[Saved data entries]
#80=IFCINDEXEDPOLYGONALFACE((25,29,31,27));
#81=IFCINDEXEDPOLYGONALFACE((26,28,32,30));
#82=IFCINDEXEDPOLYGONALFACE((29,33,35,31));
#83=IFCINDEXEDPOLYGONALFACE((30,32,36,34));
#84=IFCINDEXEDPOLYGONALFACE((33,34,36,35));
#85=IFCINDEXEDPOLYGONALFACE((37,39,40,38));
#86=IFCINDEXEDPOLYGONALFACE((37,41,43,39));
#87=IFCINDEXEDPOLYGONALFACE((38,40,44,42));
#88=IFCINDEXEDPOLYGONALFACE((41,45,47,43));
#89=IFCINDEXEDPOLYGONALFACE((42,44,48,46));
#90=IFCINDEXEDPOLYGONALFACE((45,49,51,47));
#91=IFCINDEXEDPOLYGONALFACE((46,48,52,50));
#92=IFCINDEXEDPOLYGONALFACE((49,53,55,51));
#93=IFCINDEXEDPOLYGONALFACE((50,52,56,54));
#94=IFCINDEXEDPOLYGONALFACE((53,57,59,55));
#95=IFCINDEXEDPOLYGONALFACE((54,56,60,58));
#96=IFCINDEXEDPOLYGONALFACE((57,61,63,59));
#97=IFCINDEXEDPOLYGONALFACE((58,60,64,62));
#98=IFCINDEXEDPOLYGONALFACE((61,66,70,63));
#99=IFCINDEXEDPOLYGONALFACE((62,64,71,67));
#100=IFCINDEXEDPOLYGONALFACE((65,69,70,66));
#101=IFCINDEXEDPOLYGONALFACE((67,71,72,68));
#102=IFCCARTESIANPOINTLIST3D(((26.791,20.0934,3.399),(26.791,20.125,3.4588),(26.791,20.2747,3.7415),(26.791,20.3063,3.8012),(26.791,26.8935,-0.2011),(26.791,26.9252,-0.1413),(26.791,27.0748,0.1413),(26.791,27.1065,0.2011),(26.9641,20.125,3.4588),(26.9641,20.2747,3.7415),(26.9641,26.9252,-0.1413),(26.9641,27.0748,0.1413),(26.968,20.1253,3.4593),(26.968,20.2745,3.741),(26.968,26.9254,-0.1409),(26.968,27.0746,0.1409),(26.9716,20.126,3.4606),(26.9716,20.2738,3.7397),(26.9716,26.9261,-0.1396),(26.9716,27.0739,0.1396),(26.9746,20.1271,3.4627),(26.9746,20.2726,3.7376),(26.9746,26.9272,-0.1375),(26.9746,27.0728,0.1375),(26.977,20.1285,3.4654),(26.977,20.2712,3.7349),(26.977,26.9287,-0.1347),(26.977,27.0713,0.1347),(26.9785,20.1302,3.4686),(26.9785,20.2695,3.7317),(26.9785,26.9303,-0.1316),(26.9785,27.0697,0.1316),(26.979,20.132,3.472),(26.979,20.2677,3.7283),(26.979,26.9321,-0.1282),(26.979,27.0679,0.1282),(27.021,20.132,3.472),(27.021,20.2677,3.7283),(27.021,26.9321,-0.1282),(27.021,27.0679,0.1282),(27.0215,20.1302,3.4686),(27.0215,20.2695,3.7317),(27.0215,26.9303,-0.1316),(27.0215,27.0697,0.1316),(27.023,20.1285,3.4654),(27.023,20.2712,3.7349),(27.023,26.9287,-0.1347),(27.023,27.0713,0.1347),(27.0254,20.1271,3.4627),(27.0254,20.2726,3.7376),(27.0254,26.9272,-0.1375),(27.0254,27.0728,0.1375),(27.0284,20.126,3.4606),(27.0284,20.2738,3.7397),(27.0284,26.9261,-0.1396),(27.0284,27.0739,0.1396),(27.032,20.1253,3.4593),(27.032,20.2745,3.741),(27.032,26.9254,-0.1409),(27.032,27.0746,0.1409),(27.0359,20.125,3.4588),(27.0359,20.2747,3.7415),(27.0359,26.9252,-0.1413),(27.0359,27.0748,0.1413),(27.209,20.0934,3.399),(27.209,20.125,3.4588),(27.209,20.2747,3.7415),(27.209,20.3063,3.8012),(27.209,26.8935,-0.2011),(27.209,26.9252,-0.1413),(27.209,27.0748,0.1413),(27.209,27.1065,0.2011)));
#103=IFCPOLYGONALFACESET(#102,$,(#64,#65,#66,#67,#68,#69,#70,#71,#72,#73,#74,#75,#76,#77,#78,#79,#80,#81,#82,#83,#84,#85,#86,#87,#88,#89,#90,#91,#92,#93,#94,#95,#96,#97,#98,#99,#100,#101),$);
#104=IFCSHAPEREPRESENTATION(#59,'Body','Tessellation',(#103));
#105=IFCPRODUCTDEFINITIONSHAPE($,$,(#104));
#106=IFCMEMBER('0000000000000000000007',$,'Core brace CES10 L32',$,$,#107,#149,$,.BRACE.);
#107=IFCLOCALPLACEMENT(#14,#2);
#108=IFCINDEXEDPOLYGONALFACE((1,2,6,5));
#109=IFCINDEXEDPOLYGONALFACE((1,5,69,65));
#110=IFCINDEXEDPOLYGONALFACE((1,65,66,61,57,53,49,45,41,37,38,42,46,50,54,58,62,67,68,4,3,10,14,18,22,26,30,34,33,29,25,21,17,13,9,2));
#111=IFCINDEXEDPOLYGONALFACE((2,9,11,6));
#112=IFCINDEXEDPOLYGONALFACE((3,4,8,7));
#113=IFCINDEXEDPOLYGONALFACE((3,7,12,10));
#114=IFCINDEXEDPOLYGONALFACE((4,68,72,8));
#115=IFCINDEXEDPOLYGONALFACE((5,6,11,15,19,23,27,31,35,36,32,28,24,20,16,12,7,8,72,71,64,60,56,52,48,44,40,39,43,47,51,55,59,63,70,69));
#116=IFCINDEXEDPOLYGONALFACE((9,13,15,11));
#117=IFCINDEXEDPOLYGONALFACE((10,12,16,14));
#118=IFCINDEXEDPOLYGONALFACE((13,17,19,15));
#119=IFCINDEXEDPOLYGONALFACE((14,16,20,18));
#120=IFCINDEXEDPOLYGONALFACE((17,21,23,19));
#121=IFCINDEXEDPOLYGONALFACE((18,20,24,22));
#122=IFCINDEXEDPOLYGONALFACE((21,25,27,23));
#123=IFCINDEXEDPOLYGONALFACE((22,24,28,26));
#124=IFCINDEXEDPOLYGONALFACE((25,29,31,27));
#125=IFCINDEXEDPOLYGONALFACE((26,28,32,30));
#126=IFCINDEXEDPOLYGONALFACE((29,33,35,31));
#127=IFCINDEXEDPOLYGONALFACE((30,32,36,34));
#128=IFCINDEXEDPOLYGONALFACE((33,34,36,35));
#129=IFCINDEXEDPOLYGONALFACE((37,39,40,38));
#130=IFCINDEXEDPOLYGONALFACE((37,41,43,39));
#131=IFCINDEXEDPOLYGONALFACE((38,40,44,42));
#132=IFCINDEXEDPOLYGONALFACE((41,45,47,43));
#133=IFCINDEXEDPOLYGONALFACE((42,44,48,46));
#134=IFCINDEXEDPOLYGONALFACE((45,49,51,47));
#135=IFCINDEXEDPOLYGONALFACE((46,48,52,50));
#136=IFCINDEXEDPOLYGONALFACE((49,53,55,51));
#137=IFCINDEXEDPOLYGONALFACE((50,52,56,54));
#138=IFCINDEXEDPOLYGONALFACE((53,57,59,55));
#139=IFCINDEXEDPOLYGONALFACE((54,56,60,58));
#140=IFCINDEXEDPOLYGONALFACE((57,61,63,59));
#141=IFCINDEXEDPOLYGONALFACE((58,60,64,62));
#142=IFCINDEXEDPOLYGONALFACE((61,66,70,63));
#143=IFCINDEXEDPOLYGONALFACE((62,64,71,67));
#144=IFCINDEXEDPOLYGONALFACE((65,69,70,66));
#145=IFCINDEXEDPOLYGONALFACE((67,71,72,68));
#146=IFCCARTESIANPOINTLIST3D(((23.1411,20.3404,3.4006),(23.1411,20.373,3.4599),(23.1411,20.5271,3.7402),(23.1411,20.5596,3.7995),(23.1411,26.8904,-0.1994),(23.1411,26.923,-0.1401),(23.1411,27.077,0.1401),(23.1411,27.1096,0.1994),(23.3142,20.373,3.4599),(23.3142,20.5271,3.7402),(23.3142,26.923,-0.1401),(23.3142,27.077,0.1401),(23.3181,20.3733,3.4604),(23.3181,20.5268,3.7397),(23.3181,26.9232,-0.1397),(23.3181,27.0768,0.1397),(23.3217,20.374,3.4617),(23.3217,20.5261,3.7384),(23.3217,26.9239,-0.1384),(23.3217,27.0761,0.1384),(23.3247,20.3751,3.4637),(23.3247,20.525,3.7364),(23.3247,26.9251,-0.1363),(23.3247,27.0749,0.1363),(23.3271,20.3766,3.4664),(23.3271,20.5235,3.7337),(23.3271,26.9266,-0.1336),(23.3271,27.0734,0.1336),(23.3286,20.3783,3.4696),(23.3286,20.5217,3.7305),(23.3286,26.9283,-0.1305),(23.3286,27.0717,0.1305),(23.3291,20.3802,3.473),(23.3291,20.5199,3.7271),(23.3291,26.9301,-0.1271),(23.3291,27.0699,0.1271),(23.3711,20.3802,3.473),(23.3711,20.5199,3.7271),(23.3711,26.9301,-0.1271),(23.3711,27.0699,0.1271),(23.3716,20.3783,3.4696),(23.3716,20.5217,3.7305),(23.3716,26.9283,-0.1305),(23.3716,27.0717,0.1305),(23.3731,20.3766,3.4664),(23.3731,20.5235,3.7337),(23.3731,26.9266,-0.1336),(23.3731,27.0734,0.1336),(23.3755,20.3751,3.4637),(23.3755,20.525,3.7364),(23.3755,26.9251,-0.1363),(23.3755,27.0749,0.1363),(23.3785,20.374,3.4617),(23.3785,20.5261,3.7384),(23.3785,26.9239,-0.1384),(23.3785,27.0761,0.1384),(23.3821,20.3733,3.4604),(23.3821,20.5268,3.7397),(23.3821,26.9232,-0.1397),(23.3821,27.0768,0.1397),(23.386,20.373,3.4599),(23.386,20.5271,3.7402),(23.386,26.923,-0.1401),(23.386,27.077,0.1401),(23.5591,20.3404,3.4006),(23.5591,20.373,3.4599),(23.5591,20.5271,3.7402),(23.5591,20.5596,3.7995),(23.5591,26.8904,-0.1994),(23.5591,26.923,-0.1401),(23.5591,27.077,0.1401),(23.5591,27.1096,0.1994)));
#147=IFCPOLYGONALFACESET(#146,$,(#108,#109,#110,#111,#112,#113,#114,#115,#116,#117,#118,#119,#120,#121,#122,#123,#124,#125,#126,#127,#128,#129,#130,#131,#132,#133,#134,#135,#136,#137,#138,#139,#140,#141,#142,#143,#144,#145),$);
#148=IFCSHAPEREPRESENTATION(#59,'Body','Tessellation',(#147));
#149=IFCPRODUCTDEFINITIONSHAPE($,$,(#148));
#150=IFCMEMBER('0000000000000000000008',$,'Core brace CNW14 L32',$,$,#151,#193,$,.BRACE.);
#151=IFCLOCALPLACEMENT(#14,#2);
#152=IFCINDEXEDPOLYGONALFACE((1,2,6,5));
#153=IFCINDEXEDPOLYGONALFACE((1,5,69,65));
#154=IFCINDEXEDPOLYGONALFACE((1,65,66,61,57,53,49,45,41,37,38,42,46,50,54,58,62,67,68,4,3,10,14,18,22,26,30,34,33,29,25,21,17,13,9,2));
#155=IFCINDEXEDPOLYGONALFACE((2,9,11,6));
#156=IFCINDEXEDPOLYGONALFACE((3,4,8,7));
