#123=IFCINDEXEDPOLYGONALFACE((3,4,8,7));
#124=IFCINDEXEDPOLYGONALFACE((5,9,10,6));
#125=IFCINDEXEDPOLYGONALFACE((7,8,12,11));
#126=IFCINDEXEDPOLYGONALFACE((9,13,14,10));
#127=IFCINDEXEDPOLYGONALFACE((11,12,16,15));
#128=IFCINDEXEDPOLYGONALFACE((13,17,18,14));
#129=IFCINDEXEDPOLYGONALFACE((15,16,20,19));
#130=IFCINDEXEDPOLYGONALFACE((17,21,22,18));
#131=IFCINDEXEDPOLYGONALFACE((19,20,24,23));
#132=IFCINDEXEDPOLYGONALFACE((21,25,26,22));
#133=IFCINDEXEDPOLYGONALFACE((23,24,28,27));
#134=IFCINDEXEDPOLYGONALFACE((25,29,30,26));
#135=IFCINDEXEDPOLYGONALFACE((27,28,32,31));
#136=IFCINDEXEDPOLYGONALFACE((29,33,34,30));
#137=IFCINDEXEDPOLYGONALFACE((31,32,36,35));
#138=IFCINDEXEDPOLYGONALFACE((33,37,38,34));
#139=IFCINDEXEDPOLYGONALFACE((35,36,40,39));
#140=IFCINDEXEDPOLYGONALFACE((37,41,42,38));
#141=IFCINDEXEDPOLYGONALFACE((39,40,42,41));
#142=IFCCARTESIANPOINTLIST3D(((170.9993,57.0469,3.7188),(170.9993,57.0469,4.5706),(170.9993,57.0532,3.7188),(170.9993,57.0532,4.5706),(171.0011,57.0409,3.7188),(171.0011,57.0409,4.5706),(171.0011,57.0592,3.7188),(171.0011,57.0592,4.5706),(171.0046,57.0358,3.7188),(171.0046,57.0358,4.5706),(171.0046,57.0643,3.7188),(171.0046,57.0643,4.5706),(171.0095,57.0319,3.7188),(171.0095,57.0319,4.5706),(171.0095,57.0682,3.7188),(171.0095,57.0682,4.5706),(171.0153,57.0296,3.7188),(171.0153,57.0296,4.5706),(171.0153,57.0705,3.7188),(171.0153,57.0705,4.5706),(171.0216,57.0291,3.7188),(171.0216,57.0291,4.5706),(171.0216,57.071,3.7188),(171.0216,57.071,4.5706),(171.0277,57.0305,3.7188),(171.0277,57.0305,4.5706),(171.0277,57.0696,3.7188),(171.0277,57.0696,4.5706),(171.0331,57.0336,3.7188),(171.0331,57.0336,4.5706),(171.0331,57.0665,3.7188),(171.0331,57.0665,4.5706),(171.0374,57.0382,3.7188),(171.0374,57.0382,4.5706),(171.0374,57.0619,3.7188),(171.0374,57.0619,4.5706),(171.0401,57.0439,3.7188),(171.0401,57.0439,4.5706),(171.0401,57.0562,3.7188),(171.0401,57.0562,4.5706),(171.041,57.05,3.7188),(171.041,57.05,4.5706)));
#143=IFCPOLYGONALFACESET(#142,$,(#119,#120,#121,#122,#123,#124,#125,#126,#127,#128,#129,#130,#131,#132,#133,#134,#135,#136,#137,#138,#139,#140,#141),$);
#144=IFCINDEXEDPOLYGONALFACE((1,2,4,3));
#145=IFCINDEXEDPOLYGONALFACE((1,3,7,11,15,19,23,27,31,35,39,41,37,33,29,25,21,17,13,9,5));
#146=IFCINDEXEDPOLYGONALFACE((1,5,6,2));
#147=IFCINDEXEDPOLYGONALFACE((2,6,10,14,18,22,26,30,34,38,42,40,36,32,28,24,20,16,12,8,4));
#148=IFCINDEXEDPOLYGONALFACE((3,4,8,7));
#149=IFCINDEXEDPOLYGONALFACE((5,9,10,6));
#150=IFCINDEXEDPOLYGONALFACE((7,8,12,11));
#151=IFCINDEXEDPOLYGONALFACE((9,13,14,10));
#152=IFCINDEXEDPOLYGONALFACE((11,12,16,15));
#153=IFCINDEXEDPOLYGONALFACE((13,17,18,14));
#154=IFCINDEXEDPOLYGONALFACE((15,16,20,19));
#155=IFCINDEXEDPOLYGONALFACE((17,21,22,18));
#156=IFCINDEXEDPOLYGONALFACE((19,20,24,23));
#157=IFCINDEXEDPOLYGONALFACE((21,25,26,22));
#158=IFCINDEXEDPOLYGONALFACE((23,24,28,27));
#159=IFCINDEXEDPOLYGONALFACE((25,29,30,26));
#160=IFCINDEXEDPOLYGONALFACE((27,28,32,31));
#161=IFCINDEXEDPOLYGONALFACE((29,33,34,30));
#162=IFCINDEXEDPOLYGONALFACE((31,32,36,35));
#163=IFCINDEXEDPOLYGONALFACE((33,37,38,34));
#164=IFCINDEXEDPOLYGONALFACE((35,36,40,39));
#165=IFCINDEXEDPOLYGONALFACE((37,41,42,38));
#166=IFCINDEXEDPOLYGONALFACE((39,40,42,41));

[Aim of the task] Return only the lines between the one holding "#148=IFCSHAPEREPRESENTATION(#59,'Body','Tessellation',(#147));" and the one holding "#153=IFCINDEXEDPOLYGONALFACE((1,5,69,65));", inclusive, exactly as they appear above.

[Exercise answer]
#148=IFCSHAPEREPRESENTATION(#59,'Body','Tessellation',(#147));
#149=IFCPRODUCTDEFINITIONSHAPE($,$,(#148));
#150=IFCMEMBER('0000000000000000000008',$,'Core brace CNW14 L32',$,$,#151,#193,$,.BRACE.);
#151=IFCLOCALPLACEMENT(#14,#2);
#152=IFCINDEXEDPOLYGONALFACE((1,2,6,5));
#153=IFCINDEXEDPOLYGONALFACE((1,5,69,65));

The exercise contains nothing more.